■ **TASK GOAL**: Look through the data that follows and work out how many lines contain the string "steel". Nothing but that number should be given.

■ **DATA**:
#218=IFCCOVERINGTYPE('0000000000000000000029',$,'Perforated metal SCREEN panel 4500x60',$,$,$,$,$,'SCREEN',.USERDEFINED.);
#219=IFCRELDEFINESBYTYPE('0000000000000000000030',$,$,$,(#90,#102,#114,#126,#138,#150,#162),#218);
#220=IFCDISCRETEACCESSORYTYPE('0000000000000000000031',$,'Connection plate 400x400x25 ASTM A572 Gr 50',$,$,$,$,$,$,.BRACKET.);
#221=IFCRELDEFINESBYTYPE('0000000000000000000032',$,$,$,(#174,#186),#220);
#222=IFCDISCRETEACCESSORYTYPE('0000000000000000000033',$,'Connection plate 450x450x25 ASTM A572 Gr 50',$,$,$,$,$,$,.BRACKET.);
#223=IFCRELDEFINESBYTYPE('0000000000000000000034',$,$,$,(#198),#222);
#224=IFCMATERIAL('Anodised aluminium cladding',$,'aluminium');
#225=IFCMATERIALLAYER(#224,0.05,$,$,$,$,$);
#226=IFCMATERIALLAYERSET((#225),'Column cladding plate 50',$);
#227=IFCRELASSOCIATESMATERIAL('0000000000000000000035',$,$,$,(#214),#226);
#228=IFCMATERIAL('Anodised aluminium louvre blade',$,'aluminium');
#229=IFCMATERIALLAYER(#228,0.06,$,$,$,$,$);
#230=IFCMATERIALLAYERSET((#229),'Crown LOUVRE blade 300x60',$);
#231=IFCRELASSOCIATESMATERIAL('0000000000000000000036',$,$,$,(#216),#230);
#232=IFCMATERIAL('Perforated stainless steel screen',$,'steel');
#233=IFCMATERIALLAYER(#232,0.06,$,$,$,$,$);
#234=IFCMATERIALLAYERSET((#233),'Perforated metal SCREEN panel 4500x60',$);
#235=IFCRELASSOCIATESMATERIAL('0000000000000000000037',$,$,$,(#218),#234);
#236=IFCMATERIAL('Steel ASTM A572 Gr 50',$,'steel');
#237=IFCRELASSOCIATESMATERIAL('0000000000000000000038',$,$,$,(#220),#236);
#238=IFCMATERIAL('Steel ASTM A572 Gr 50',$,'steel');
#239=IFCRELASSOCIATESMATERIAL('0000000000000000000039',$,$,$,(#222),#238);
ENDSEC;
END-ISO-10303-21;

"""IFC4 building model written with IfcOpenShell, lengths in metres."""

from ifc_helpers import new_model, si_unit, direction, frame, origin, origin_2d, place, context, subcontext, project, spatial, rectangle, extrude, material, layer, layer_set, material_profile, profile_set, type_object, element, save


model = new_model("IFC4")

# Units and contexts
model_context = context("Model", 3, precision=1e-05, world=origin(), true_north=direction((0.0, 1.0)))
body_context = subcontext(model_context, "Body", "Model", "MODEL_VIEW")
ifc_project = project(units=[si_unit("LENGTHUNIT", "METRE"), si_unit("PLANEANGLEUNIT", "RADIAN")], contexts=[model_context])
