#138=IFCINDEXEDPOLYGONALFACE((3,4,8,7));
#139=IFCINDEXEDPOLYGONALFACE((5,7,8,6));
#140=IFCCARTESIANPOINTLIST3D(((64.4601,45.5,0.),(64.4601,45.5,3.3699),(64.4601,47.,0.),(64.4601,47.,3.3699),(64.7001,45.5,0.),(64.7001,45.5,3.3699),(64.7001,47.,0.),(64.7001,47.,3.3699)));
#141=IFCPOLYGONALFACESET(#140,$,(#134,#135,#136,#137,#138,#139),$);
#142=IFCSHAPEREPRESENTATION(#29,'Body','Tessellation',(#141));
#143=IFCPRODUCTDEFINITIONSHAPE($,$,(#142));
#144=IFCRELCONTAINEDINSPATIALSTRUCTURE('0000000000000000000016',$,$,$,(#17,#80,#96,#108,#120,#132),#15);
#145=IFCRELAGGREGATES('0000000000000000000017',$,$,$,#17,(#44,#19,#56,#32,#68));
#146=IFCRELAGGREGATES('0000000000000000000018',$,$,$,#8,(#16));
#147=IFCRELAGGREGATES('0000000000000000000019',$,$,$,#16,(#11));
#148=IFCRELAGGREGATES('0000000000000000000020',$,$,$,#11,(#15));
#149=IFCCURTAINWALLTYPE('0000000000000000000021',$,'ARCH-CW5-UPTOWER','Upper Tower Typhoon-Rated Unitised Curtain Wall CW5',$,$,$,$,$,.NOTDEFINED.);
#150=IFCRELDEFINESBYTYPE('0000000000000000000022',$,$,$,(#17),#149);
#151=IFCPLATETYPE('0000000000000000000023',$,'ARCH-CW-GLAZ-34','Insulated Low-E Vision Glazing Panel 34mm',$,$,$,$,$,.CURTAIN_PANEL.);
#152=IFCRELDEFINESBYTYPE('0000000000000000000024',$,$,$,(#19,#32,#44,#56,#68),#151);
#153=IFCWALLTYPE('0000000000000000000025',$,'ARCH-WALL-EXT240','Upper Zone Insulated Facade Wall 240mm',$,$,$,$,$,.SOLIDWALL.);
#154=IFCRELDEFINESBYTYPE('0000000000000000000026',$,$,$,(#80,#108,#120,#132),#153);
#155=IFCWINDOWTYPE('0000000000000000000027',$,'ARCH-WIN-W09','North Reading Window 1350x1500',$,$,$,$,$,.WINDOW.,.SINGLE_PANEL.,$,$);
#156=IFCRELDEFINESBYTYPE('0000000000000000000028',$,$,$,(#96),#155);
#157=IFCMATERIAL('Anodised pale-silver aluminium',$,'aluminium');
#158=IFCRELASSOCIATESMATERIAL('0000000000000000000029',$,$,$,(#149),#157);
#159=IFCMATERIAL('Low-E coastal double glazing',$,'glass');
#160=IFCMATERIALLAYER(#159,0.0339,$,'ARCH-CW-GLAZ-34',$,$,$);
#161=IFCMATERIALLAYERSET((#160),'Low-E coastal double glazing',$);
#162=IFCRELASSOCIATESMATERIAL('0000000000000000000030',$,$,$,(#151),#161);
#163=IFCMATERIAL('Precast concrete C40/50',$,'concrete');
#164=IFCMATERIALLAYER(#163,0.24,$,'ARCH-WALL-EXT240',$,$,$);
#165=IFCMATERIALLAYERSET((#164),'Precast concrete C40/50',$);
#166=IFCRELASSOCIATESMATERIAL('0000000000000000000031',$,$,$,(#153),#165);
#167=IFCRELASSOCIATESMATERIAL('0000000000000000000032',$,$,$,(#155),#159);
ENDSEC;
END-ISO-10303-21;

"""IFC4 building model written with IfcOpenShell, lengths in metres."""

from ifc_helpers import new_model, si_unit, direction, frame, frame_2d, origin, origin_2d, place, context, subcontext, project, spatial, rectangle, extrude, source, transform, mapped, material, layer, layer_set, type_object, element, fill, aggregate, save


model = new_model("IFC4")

■ **EXERCISE RESPONSE**: 3